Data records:
========================================================================

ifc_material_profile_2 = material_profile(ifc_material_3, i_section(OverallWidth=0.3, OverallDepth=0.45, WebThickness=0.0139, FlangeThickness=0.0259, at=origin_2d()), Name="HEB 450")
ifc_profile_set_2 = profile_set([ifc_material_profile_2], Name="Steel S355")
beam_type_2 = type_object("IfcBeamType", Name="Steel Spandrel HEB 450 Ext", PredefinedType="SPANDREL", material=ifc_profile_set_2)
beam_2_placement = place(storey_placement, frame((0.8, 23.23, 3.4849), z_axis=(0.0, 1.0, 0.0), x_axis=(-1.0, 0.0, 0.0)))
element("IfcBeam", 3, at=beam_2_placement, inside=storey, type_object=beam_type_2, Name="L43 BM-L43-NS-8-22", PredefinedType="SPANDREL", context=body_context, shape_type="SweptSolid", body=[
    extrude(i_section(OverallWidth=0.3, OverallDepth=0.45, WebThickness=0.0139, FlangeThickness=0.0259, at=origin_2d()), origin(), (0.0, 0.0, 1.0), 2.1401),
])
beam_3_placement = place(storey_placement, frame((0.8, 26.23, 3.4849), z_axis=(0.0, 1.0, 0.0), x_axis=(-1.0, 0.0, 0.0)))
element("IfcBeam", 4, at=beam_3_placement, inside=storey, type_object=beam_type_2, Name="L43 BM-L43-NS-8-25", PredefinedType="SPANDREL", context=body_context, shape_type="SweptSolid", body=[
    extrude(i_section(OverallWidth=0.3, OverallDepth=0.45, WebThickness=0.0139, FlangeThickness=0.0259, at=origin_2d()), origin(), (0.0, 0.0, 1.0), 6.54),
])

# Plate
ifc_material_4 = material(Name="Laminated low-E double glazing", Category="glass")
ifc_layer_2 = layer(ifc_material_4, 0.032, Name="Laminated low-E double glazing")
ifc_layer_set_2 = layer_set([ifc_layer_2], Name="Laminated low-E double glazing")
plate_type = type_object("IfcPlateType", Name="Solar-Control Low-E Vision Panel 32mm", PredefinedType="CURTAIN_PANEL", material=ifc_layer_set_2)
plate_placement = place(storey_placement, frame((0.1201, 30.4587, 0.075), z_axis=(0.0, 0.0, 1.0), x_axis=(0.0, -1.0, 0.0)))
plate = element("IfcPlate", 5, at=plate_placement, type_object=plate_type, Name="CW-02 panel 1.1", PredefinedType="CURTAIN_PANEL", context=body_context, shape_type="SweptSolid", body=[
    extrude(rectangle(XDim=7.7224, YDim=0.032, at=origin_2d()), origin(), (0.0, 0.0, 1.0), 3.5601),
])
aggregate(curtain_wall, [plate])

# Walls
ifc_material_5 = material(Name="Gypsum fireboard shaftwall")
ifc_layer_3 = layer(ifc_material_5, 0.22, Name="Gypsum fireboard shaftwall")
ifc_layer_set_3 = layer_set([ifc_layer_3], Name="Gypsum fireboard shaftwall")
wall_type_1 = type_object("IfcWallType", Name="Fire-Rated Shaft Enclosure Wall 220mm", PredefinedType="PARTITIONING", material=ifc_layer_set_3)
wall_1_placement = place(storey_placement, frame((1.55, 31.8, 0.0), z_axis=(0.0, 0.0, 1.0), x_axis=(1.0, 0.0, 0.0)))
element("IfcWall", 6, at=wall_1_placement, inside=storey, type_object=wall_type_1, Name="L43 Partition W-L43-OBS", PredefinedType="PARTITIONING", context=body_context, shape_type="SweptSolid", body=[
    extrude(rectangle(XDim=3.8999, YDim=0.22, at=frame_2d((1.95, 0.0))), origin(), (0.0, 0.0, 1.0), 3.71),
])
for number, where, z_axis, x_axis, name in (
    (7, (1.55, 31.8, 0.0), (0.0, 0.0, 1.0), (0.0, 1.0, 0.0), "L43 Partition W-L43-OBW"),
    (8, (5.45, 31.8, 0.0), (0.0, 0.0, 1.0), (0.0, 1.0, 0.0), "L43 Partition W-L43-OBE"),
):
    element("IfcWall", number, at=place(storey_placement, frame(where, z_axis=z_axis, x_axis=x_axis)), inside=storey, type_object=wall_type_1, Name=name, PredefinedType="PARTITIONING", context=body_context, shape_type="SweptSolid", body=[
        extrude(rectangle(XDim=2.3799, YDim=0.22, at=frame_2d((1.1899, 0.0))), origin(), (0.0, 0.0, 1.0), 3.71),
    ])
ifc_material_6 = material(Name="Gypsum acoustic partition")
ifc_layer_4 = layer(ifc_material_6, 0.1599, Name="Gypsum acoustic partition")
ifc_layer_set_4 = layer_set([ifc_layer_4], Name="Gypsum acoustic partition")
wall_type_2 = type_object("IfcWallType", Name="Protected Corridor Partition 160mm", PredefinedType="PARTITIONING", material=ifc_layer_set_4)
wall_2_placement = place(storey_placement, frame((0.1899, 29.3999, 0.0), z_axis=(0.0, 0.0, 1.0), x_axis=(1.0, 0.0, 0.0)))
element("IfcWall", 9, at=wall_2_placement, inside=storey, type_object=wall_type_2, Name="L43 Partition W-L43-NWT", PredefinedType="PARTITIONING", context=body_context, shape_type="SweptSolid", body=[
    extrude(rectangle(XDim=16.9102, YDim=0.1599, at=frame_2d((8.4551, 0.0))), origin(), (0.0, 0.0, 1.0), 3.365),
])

========================================================================

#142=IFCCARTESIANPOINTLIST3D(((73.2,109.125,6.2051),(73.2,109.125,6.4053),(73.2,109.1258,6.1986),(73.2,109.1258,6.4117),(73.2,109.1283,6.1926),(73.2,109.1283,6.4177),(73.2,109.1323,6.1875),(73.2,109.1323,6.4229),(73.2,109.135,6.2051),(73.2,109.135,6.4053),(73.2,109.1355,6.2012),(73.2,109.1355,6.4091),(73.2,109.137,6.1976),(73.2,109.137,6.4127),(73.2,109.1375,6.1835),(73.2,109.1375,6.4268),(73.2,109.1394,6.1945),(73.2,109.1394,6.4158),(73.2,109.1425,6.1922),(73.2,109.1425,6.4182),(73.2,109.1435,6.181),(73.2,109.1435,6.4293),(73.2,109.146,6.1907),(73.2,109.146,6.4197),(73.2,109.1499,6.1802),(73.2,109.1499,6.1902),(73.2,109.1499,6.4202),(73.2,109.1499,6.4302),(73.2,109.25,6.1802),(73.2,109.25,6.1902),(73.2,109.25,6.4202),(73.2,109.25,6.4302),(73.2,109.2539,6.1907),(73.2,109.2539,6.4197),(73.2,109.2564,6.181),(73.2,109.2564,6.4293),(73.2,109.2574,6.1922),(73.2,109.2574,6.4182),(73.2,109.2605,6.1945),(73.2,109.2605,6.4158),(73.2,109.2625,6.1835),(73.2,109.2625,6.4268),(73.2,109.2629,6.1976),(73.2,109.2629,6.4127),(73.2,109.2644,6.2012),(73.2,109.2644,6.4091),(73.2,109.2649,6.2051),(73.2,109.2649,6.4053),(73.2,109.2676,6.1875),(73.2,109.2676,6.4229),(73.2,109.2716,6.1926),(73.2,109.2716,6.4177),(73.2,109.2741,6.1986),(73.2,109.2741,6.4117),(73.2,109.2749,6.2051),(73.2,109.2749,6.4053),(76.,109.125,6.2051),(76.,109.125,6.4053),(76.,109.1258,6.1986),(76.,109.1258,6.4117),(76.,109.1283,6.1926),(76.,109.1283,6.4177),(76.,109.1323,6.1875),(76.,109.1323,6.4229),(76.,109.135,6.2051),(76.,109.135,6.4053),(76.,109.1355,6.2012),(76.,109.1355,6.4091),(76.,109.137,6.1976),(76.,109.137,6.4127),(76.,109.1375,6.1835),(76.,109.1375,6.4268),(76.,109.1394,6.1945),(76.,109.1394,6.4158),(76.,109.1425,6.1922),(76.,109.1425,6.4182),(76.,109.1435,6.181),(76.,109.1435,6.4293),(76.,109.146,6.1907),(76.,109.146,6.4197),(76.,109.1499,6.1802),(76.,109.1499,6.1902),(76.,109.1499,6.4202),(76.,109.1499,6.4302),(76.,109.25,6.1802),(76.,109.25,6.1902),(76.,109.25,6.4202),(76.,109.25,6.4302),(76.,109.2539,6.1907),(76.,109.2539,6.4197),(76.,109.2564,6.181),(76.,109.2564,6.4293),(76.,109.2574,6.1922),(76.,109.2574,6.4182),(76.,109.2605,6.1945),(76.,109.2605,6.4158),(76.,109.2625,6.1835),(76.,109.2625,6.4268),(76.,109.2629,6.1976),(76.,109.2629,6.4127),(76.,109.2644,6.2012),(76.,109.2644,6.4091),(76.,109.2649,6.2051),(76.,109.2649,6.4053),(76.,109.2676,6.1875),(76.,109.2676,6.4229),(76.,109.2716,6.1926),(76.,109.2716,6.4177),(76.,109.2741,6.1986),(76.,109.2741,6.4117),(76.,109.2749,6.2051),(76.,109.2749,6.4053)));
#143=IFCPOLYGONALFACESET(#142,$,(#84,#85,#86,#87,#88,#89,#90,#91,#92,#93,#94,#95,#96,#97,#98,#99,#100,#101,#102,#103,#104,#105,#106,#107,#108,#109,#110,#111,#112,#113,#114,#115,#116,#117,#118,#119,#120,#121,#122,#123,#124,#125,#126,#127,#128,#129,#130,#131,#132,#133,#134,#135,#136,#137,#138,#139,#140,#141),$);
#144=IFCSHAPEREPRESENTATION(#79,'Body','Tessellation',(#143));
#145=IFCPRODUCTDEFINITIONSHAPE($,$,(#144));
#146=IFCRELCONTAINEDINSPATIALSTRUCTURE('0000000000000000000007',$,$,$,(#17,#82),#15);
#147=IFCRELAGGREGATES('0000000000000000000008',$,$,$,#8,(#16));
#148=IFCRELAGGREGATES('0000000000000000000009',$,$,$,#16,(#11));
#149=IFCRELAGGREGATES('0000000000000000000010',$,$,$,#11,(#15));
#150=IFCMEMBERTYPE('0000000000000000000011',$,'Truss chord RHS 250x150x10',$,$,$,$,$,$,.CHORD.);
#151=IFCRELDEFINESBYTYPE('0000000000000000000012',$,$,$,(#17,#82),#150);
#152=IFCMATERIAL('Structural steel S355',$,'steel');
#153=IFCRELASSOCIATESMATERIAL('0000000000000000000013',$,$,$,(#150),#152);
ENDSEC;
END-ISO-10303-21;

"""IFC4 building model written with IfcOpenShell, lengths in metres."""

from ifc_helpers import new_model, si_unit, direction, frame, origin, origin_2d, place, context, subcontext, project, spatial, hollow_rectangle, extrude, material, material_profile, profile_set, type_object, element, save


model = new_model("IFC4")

========================================================================

### Task prompt
Would you please filter the lines above and copy every one that includes "number"?

### Solution to the exercise
for number, where, z_axis, x_axis, name in (
    element("IfcWall", number, at=place(storey_placement, frame(where, z_axis=z_axis, x_axis=x_axis)), inside=storey, type_object=wall_type_1, Name=name, PredefinedType="PARTITIONING", context=body_context, shape_type="SweptSolid", body=[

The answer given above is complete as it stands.